What you need to do:
Scan the entries below for the string "IFCRELAGGREGATES" and copy every line where it turns up.

(Beginning of Excerpted records)

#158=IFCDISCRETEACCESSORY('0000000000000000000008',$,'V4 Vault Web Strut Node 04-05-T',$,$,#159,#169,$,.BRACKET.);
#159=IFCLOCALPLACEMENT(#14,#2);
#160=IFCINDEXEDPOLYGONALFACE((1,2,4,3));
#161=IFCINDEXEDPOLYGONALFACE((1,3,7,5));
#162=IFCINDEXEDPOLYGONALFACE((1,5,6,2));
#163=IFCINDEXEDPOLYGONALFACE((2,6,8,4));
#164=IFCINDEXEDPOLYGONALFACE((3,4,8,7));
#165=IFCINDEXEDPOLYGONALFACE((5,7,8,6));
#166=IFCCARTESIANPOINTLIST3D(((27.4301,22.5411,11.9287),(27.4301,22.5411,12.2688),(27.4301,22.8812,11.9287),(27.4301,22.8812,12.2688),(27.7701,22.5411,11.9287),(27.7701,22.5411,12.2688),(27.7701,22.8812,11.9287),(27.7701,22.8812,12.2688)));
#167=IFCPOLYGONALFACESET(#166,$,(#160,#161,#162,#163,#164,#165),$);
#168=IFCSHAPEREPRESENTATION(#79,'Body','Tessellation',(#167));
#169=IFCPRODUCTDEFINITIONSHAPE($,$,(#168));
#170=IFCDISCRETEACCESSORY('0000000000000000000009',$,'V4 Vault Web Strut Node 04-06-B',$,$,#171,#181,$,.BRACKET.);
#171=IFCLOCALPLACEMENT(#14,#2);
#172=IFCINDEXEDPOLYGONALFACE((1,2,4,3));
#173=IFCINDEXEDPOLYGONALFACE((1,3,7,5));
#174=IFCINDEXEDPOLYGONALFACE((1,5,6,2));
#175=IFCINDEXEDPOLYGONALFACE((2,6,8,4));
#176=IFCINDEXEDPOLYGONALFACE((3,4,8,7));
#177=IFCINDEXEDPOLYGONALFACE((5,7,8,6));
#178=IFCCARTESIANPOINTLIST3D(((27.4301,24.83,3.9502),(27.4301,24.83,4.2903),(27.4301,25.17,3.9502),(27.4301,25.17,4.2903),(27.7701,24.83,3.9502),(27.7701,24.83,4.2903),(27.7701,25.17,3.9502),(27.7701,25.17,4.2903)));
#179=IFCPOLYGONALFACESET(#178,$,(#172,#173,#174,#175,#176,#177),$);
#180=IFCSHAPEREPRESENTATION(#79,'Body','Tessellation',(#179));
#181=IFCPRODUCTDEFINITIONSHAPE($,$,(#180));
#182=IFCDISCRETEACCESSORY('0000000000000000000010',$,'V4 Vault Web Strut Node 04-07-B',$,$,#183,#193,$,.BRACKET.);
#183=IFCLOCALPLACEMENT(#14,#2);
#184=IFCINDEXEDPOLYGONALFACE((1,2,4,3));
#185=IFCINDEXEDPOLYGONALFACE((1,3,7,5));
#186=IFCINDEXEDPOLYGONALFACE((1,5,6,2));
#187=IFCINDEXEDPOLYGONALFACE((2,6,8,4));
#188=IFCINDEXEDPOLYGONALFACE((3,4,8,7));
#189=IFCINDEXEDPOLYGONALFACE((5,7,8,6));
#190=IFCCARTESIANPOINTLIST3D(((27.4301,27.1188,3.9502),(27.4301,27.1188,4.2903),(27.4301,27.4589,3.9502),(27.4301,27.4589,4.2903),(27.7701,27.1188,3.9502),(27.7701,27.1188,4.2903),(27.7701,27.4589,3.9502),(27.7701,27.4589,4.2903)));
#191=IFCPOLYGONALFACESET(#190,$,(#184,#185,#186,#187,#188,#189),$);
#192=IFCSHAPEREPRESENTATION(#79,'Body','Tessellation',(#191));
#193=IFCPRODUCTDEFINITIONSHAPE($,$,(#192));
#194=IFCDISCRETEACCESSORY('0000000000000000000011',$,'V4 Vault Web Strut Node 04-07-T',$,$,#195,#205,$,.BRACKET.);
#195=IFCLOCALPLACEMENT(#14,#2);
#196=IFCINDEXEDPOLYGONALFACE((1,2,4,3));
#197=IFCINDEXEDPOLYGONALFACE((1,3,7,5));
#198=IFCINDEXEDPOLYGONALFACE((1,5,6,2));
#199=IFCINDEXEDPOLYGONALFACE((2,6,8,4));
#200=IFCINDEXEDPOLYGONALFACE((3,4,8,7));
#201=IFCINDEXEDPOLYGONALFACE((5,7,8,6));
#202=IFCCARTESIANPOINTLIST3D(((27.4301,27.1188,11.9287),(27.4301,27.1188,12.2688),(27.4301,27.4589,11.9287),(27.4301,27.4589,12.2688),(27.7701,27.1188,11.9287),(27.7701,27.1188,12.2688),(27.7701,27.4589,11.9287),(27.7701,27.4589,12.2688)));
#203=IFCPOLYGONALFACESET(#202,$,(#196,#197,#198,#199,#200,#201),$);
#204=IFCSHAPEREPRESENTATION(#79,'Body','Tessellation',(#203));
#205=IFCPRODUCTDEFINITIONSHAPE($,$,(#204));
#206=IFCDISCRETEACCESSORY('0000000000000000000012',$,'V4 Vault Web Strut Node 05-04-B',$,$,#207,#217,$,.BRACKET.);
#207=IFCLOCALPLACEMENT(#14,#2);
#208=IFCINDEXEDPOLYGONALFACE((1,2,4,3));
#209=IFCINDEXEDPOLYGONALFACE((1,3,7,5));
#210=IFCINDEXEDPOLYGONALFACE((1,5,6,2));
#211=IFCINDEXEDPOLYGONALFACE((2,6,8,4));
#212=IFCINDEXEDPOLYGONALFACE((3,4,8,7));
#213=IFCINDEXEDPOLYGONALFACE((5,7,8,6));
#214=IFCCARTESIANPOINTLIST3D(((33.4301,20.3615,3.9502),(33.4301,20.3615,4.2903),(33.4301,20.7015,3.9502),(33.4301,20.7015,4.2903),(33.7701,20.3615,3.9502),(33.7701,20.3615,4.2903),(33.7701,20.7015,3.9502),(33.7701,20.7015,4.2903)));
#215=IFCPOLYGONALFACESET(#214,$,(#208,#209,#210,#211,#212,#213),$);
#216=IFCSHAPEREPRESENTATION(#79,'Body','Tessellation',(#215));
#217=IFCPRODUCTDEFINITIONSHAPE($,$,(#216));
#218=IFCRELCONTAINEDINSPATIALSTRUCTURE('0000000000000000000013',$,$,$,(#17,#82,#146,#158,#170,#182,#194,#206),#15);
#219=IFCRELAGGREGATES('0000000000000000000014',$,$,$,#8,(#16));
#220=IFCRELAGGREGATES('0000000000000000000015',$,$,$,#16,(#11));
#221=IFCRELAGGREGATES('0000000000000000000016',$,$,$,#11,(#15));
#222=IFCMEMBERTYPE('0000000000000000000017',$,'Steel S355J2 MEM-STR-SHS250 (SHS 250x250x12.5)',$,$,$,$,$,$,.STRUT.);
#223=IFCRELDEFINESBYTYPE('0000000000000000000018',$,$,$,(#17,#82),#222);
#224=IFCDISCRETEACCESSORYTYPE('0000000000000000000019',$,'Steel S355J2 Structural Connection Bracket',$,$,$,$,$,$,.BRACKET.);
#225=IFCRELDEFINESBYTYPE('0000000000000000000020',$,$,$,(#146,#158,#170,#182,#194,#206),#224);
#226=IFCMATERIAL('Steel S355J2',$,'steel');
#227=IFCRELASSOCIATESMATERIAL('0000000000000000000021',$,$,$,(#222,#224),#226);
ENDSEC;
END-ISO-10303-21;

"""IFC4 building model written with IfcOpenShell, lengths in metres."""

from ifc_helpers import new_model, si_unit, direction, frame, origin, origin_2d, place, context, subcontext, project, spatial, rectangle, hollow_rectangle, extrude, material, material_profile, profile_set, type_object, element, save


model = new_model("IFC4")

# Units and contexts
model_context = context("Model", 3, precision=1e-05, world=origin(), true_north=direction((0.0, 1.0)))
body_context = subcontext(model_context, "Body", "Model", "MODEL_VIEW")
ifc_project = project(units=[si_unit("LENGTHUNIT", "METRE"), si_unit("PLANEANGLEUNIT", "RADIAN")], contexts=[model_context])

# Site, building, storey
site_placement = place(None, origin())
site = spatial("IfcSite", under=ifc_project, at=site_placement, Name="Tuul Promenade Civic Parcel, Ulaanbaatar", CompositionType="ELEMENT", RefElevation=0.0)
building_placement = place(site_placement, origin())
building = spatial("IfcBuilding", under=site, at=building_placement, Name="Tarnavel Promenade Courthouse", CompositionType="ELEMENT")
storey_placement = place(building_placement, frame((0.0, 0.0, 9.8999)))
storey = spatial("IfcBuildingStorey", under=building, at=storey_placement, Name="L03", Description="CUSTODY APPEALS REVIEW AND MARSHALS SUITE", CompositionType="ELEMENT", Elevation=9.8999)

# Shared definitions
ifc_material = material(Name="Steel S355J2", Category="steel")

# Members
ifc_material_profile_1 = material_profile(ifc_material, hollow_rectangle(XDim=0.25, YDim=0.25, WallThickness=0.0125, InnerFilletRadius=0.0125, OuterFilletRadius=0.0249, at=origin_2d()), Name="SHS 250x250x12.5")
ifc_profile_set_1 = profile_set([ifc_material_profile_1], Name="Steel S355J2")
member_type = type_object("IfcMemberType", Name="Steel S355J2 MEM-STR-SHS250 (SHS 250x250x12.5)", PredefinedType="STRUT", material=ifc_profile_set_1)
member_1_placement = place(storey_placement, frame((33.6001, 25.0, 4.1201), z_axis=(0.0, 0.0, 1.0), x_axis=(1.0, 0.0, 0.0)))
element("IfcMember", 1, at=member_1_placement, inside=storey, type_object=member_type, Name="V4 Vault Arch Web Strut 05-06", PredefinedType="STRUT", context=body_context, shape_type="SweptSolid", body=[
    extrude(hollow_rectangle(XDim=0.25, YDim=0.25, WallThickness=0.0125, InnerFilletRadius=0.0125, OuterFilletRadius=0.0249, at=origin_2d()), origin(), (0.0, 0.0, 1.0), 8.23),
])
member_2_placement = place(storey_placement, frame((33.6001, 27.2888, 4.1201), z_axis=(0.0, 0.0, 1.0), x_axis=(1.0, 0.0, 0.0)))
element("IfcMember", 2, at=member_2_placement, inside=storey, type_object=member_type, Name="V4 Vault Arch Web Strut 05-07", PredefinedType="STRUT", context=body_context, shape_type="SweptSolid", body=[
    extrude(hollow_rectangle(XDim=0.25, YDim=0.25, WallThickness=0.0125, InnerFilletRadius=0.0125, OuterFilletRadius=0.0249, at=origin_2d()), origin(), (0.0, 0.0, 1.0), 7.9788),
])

(End of Excerpted records)

Solution to the problem:
#219=IFCRELAGGREGATES('0000000000000000000014',$,$,$,#8,(#16));
#220=IFCRELAGGREGATES('0000000000000000000015',$,$,$,#16,(#11));
#221=IFCRELAGGREGATES('0000000000000000000016',$,$,$,#11,(#15));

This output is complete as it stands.